◆ DATA

****

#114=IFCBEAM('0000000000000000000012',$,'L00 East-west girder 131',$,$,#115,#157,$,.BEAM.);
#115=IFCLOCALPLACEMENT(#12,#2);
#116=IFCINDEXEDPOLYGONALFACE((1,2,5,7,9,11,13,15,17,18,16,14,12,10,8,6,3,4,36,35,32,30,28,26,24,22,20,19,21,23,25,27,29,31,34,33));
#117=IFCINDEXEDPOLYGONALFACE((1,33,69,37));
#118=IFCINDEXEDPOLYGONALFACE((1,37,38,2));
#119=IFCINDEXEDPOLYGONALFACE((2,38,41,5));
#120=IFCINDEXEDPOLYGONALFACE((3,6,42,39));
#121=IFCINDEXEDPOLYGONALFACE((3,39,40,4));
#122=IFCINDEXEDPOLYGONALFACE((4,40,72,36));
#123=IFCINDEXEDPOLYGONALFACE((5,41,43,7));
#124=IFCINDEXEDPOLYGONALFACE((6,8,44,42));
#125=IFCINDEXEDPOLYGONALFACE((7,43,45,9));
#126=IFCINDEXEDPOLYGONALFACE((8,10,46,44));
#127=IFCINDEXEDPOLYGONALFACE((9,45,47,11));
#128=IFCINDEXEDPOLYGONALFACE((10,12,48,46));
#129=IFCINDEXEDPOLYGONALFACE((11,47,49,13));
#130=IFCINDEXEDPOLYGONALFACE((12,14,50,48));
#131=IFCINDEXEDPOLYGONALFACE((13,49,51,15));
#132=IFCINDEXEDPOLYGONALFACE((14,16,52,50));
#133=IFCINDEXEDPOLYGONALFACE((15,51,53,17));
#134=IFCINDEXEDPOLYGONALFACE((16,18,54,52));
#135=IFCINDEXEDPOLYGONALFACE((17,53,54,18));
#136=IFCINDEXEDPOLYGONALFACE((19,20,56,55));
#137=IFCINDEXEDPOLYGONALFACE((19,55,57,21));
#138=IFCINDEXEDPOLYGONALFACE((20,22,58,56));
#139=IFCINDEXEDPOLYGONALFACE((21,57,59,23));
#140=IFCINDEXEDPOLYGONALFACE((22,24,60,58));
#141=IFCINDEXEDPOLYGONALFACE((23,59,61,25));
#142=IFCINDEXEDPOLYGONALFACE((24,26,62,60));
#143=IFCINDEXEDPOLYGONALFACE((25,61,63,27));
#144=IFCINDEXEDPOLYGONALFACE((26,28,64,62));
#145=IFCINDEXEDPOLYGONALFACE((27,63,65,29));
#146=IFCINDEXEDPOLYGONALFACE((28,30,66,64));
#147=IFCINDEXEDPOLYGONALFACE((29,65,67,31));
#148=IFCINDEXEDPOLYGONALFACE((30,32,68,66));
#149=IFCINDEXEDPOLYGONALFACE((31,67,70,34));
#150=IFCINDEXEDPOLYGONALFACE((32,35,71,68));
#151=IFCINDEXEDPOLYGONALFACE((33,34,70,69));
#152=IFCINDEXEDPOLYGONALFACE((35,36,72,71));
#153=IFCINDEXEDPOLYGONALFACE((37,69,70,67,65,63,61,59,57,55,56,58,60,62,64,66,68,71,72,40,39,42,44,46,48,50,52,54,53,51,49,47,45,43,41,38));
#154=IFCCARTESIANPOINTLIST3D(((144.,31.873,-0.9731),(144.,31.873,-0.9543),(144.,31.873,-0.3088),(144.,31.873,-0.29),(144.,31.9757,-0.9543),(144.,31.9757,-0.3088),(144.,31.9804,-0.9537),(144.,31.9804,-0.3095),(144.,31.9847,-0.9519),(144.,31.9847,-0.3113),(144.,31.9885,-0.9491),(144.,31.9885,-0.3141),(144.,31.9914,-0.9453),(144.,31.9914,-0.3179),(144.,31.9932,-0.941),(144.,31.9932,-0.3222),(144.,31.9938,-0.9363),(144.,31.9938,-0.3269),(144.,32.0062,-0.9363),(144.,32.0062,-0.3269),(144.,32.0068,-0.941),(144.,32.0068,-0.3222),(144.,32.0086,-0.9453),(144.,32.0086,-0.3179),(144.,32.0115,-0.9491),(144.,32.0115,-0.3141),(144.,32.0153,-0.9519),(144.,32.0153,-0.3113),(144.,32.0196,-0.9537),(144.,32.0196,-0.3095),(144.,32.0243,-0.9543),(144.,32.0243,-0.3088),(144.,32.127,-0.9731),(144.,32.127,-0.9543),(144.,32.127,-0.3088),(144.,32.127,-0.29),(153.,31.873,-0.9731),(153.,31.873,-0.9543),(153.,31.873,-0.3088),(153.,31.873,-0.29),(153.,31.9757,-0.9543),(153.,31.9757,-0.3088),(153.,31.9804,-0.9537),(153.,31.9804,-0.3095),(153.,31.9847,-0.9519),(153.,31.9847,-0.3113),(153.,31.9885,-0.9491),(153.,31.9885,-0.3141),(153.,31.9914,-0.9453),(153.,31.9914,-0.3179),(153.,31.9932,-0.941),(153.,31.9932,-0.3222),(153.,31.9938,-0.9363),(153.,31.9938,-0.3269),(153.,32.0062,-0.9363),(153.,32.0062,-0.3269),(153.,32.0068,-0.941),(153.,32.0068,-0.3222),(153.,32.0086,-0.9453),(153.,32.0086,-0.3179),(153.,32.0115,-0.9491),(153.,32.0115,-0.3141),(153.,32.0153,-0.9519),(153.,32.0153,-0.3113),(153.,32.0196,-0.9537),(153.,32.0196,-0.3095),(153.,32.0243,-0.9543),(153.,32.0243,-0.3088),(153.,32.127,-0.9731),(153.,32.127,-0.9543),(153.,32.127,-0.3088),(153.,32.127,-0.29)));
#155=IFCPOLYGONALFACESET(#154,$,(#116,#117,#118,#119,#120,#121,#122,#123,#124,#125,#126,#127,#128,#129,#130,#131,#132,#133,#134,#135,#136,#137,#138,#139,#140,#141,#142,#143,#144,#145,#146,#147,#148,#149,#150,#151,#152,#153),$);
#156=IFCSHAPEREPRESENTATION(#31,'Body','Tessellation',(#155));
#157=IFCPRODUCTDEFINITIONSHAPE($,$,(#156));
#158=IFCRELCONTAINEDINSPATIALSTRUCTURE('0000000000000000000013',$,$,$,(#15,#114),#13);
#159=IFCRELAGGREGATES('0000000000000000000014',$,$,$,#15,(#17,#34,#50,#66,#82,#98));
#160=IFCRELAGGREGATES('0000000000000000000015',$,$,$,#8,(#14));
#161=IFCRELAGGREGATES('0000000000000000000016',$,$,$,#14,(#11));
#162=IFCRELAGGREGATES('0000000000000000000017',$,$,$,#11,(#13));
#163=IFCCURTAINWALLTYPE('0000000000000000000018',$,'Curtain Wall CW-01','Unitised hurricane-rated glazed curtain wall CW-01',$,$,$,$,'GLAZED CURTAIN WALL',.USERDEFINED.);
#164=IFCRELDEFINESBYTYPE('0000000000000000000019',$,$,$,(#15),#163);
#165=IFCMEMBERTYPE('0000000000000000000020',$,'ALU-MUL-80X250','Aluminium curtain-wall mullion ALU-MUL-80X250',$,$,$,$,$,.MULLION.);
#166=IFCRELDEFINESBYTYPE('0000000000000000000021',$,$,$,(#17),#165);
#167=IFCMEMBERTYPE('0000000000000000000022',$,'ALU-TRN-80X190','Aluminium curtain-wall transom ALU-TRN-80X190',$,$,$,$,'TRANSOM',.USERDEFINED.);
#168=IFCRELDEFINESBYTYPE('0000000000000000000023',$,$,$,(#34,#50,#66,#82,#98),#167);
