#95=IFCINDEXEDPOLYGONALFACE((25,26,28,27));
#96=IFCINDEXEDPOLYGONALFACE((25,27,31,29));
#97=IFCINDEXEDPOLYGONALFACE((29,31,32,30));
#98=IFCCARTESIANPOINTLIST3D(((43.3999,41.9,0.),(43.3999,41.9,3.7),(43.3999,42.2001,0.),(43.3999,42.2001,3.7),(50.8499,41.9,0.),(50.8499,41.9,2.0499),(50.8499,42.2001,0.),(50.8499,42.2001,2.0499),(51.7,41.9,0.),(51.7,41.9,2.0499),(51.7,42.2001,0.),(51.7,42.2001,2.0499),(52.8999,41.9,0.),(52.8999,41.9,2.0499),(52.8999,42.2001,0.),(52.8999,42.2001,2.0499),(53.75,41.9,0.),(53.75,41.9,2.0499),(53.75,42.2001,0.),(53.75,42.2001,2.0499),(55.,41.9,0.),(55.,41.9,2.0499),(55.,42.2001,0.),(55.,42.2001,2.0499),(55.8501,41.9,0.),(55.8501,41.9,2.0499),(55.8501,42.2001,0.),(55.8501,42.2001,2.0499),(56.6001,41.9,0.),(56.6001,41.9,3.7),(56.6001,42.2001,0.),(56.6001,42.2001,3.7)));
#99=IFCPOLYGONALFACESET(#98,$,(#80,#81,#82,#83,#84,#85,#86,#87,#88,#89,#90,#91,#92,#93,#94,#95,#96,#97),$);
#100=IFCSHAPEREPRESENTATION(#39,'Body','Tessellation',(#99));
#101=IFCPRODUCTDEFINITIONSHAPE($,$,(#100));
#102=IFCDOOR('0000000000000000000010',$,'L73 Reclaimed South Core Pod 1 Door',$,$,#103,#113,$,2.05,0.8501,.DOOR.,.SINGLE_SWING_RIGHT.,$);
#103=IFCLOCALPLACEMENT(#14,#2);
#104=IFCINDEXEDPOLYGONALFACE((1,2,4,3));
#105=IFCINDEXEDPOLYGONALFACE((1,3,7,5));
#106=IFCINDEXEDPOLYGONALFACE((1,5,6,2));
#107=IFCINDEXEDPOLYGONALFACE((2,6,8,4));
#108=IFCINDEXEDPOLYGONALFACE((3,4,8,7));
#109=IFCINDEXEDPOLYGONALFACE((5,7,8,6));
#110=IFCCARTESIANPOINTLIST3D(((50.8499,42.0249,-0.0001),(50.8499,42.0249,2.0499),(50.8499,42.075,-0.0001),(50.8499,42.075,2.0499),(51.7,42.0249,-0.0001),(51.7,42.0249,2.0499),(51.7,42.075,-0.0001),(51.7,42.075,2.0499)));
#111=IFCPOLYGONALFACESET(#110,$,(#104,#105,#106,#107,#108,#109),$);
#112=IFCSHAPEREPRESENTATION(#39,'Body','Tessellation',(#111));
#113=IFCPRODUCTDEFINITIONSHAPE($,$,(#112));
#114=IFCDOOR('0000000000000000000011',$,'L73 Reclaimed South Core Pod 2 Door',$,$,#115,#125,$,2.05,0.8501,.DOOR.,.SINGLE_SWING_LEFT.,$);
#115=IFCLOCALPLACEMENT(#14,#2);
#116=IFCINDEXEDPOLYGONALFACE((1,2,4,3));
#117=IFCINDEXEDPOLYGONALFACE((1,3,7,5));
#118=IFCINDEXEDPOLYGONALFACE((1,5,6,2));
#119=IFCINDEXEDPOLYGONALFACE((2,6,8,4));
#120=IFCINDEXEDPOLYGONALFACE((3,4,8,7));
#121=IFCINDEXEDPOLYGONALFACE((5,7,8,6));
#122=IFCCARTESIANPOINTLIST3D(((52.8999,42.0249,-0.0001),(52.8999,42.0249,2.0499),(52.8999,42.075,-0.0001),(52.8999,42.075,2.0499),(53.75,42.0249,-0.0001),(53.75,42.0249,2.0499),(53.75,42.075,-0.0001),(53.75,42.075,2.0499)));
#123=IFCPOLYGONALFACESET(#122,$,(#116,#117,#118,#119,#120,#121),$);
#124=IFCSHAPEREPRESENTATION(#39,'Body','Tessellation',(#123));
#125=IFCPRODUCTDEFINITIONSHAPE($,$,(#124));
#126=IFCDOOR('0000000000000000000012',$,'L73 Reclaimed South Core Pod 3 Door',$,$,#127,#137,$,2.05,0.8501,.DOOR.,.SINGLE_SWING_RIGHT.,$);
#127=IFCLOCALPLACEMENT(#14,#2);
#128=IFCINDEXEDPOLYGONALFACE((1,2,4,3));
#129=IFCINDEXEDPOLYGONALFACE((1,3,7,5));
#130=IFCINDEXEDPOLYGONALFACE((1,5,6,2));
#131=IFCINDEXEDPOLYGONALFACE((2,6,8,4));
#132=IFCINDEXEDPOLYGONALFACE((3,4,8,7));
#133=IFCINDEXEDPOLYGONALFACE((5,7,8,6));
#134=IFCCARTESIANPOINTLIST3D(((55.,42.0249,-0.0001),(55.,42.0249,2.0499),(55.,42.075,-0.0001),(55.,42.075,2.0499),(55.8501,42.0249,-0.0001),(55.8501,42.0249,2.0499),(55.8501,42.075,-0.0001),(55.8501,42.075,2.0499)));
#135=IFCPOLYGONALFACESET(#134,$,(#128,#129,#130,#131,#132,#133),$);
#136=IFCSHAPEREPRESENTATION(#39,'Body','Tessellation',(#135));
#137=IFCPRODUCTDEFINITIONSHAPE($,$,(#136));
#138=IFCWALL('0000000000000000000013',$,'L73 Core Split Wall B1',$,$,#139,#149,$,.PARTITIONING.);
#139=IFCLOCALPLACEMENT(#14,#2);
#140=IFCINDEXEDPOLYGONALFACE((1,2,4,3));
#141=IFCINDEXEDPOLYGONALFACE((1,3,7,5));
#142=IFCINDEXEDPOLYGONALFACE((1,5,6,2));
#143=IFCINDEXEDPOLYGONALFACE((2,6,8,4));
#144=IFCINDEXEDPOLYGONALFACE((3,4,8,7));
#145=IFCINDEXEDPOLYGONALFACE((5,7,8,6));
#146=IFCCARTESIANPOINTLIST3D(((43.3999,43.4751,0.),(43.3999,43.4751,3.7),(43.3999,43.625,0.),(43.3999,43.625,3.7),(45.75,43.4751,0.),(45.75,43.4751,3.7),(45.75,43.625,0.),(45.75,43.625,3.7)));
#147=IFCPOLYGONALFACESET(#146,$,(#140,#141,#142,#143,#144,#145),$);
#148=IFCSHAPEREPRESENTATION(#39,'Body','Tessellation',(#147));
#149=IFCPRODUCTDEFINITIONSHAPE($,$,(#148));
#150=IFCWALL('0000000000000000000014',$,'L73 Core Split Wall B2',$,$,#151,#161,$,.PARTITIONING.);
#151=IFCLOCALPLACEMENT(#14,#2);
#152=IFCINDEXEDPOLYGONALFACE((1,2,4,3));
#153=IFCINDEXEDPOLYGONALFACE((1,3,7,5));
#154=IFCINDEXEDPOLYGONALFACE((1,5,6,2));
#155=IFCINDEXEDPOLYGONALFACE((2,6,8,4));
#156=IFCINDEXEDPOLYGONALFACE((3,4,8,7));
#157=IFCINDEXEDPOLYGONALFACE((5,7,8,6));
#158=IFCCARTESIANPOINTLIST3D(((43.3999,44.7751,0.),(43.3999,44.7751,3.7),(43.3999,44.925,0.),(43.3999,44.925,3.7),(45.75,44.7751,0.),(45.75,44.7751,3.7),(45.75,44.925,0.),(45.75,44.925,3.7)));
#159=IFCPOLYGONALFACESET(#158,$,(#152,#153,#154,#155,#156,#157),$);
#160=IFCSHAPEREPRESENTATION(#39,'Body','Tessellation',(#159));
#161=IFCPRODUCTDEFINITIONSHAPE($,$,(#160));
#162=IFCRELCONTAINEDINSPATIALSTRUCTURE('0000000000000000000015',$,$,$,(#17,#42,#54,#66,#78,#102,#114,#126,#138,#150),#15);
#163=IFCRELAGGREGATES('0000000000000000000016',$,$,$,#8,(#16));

****

◆ PROBLEM TO SOLVE
Where the line holding "#112=IFCSHAPEREPRESENTATION(#39,'Body','Tessellation',(#111));" appears in the listing above, start reproducing exactly, and end with the line holding "#121=IFCINDEXEDPOLYGONALFACE((5,7,8,6));".

◆ WORKED SOLUTION
#112=IFCSHAPEREPRESENTATION(#39,'Body','Tessellation',(#111));
#113=IFCPRODUCTDEFINITIONSHAPE($,$,(#112));
#114=IFCDOOR('0000000000000000000011',$,'L73 Reclaimed South Core Pod 2 Door',$,$,#115,#125,$,2.05,0.8501,.DOOR.,.SINGLE_SWING_LEFT.,$);
#115=IFCLOCALPLACEMENT(#14,#2);
#116=IFCINDEXEDPOLYGONALFACE((1,2,4,3));
#117=IFCINDEXEDPOLYGONALFACE((1,3,7,5));
#118=IFCINDEXEDPOLYGONALFACE((1,5,6,2));
#119=IFCINDEXEDPOLYGONALFACE((2,6,8,4));
#120=IFCINDEXEDPOLYGONALFACE((3,4,8,7));
#121=IFCINDEXEDPOLYGONALFACE((5,7,8,6));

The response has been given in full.